[Items from a data source]
━━━━━━━━━━━━━━━━━━━━
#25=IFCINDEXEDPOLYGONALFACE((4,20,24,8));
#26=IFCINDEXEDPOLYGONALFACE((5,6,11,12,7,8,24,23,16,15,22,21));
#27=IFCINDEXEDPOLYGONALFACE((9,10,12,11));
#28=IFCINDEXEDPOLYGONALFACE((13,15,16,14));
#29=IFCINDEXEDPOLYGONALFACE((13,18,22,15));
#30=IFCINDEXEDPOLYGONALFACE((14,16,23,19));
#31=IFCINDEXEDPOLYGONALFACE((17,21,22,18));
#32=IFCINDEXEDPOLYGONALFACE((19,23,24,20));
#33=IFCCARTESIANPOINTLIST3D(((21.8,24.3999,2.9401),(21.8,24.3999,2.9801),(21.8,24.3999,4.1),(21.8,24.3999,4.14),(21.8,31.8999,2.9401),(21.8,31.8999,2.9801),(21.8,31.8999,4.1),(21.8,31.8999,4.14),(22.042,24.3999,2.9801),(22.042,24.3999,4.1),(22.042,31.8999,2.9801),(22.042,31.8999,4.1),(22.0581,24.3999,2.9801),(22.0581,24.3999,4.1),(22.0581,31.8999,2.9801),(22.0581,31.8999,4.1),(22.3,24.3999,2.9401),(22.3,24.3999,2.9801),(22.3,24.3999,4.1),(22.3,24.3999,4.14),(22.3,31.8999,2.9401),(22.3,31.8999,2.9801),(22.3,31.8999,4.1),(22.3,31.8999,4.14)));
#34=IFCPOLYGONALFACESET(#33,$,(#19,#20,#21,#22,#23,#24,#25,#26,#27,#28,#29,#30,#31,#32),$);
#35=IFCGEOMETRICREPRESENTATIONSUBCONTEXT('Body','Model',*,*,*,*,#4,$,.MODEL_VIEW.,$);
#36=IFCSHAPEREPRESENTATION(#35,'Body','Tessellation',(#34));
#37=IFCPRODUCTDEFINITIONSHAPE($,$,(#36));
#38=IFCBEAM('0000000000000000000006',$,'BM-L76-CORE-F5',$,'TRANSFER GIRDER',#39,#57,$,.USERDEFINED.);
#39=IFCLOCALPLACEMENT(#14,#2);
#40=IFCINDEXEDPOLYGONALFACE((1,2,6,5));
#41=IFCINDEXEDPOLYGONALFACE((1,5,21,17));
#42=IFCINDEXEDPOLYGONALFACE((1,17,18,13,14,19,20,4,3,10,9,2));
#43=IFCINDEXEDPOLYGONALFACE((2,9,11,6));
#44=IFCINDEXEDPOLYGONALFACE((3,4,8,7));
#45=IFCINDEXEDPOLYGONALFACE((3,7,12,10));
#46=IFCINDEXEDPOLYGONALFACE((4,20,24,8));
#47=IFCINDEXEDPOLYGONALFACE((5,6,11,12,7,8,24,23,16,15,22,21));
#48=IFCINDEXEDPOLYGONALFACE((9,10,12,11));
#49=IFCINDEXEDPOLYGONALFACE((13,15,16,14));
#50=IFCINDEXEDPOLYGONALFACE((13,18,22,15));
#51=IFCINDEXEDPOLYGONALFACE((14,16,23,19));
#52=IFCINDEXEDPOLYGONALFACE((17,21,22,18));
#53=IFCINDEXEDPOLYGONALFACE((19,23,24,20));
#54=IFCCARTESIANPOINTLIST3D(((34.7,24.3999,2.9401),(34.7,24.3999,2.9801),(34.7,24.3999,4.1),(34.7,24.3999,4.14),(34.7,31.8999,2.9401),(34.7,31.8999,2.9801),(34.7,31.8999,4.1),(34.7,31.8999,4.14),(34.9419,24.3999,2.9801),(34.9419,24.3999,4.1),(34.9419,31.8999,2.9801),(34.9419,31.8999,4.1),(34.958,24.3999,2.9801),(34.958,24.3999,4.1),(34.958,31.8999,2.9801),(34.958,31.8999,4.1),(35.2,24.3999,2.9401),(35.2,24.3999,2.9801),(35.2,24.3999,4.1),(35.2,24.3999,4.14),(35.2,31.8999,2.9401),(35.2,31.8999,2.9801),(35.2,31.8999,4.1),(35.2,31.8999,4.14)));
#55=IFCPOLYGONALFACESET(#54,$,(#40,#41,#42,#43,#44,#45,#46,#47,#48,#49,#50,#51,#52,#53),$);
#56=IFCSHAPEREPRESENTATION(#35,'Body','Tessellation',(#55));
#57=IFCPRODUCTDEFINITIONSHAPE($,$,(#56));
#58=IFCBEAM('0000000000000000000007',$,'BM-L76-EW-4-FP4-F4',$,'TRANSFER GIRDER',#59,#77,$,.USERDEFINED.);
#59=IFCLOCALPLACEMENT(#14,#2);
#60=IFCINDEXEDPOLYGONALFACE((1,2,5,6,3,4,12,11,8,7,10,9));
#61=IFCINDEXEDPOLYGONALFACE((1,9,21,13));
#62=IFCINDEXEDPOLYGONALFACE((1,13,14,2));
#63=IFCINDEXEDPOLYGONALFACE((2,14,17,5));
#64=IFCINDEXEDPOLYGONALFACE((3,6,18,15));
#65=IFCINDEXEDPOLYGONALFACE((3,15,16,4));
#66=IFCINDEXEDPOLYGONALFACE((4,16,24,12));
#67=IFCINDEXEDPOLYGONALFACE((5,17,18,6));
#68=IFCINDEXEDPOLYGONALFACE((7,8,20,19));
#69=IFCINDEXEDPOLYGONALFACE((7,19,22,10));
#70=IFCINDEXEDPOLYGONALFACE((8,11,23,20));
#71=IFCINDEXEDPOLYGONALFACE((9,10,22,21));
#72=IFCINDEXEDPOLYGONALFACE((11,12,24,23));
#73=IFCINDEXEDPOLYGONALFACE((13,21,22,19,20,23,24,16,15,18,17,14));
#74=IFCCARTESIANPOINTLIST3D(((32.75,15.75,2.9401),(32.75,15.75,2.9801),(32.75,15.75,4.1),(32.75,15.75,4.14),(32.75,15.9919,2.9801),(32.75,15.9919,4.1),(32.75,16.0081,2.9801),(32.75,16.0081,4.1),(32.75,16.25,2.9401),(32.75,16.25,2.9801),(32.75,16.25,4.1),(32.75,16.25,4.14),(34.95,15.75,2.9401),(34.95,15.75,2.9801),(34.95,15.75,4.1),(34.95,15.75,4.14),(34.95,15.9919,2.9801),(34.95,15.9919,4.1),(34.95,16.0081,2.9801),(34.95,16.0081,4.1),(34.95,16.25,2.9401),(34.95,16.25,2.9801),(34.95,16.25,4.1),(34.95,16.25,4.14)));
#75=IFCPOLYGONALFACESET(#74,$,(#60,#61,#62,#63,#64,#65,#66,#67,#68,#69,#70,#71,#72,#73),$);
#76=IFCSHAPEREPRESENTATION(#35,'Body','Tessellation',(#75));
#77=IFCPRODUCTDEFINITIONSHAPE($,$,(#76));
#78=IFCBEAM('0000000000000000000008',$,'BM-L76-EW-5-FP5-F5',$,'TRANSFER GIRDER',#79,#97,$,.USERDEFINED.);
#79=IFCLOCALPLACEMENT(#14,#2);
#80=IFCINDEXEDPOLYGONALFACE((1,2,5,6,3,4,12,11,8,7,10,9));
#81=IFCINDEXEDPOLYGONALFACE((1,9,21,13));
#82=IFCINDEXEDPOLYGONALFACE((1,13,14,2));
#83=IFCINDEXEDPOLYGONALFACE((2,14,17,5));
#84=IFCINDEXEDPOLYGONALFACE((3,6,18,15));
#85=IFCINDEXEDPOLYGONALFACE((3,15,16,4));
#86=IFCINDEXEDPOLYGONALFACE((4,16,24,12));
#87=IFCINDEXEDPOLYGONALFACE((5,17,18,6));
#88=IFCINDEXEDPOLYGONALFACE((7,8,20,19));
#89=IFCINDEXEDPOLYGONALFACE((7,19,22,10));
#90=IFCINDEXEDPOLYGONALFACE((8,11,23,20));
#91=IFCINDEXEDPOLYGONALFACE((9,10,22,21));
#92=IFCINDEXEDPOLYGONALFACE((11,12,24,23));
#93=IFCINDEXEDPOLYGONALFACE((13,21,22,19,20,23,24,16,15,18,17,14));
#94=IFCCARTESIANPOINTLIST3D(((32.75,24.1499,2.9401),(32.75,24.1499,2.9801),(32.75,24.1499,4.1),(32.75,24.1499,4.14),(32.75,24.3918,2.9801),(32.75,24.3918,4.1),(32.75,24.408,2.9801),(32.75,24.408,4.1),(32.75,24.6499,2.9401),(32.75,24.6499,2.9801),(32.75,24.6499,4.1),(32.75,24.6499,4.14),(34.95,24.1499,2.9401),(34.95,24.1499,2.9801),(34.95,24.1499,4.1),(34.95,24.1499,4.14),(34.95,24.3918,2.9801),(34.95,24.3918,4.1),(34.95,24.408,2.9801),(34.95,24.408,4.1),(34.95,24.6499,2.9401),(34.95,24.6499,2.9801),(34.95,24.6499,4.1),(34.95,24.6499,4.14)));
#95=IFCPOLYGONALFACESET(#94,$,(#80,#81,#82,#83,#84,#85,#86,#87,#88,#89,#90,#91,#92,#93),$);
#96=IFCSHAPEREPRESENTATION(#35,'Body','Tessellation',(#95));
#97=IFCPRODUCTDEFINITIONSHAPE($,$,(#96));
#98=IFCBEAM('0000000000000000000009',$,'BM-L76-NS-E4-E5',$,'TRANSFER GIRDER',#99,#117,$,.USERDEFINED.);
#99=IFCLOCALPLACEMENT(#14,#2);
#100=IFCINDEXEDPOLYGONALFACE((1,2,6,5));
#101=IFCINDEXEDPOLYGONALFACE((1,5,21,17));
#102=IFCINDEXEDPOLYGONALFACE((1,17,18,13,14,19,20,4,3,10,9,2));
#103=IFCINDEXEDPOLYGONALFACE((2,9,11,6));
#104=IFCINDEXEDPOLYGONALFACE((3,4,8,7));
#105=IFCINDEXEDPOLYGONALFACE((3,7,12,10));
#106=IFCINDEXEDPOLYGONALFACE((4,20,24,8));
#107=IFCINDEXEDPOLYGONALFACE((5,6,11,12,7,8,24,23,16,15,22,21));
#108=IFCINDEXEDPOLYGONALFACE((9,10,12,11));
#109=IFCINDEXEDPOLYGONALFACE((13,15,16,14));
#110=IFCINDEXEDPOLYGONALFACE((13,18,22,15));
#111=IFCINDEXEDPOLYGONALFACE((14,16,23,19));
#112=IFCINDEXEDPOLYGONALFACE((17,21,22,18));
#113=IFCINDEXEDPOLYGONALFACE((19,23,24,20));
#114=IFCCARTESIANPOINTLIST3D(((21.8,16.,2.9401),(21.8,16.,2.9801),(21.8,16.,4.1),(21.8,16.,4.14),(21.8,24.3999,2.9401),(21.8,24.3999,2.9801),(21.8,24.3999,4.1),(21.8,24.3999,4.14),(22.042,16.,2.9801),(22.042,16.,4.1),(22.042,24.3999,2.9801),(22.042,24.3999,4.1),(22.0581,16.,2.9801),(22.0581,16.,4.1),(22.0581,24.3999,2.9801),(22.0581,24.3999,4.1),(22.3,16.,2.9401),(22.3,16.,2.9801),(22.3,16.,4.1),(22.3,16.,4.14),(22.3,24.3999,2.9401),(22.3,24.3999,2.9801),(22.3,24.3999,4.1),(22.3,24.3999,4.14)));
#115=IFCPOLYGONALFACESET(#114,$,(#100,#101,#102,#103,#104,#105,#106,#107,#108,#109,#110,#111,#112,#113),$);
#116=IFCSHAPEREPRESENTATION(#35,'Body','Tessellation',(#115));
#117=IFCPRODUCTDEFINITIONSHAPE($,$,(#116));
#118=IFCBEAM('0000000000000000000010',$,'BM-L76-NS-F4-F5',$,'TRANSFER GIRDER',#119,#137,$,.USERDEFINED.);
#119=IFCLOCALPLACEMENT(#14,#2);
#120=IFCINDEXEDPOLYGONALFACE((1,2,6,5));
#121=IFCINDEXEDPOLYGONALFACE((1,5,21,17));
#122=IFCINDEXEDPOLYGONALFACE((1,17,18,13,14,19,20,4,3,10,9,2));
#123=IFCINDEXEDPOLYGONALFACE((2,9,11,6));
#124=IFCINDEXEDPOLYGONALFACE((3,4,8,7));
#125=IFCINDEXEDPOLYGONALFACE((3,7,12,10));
━━━━━━━━━━━━━━━━━━━━
(EXERCISE):
From the records above, copy only the lines starting with the line that holds "#60=IFCINDEXEDPOLYGONALFACE((1,2,5,6,3,4,12,11,8,7,10,9));" and going on through the line that holds "#87=IFCINDEXEDPOLYGONALFACE((5,17,18,6));", exactly as written.

(SOLUTION FOR THIS TASK):
#60=IFCINDEXEDPOLYGONALFACE((1,2,5,6,3,4,12,11,8,7,10,9));
#61=IFCINDEXEDPOLYGONALFACE((1,9,21,13));
#62=IFCINDEXEDPOLYGONALFACE((1,13,14,2));
#63=IFCINDEXEDPOLYGONALFACE((2,14,17,5));
#64=IFCINDEXEDPOLYGONALFACE((3,6,18,15));
#65=IFCINDEXEDPOLYGONALFACE((3,15,16,4));
#66=IFCINDEXEDPOLYGONALFACE((4,16,24,12));
#67=IFCINDEXEDPOLYGONALFACE((5,17,18,6));
#68=IFCINDEXEDPOLYGONALFACE((7,8,20,19));
#69=IFCINDEXEDPOLYGONALFACE((7,19,22,10));
#70=IFCINDEXEDPOLYGONALFACE((8,11,23,20));
#71=IFCINDEXEDPOLYGONALFACE((9,10,22,21));
#72=IFCINDEXEDPOLYGONALFACE((11,12,24,23));
#73=IFCINDEXEDPOLYGONALFACE((13,21,22,19,20,23,24,16,15,18,17,14));
#74=IFCCARTESIANPOINTLIST3D(((32.75,15.75,2.9401),(32.75,15.75,2.9801),(32.75,15.75,4.1),(32.75,15.75,4.14),(32.75,15.9919,2.9801),(32.75,15.9919,4.1),(32.75,16.0081,2.9801),(32.75,16.0081,4.1),(32.75,16.25,2.9401),(32.75,16.25,2.9801),(32.75,16.25,4.1),(32.75,16.25,4.14),(34.95,15.75,2.9401),(34.95,15.75,2.9801),(34.95,15.75,4.1),(34.95,15.75,4.14),(34.95,15.9919,2.9801),(34.95,15.9919,4.1),(34.95,16.0081,2.9801),(34.95,16.0081,4.1),(34.95,16.25,2.9401),(34.95,16.25,2.9801),(34.95,16.25,4.1),(34.95,16.25,4.14)));
#75=IFCPOLYGONALFACESET(#74,$,(#60,#61,#62,#63,#64,#65,#66,#67,#68,#69,#70,#71,#72,#73),$);
#76=IFCSHAPEREPRESENTATION(#35,'Body','Tessellation',(#75));
#77=IFCPRODUCTDEFINITIONSHAPE($,$,(#76));
#78=IFCBEAM('0000000000000000000008',$,'BM-L76-EW-5-FP5-F5',$,'TRANSFER GIRDER',#79,#97,$,.USERDEFINED.);
#79=IFCLOCALPLACEMENT(#14,#2);
#80=IFCINDEXEDPOLYGONALFACE((1,2,5,6,3,4,12,11,8,7,10,9));
#81=IFCINDEXEDPOLYGONALFACE((1,9,21,13));
#82=IFCINDEXEDPOLYGONALFACE((1,13,14,2));
#83=IFCINDEXEDPOLYGONALFACE((2,14,17,5));
#84=IFCINDEXEDPOLYGONALFACE((3,6,18,15));
#85=IFCINDEXEDPOLYGONALFACE((3,15,16,4));
#86=IFCINDEXEDPOLYGONALFACE((4,16,24,12));
#87=IFCINDEXEDPOLYGONALFACE((5,17,18,6));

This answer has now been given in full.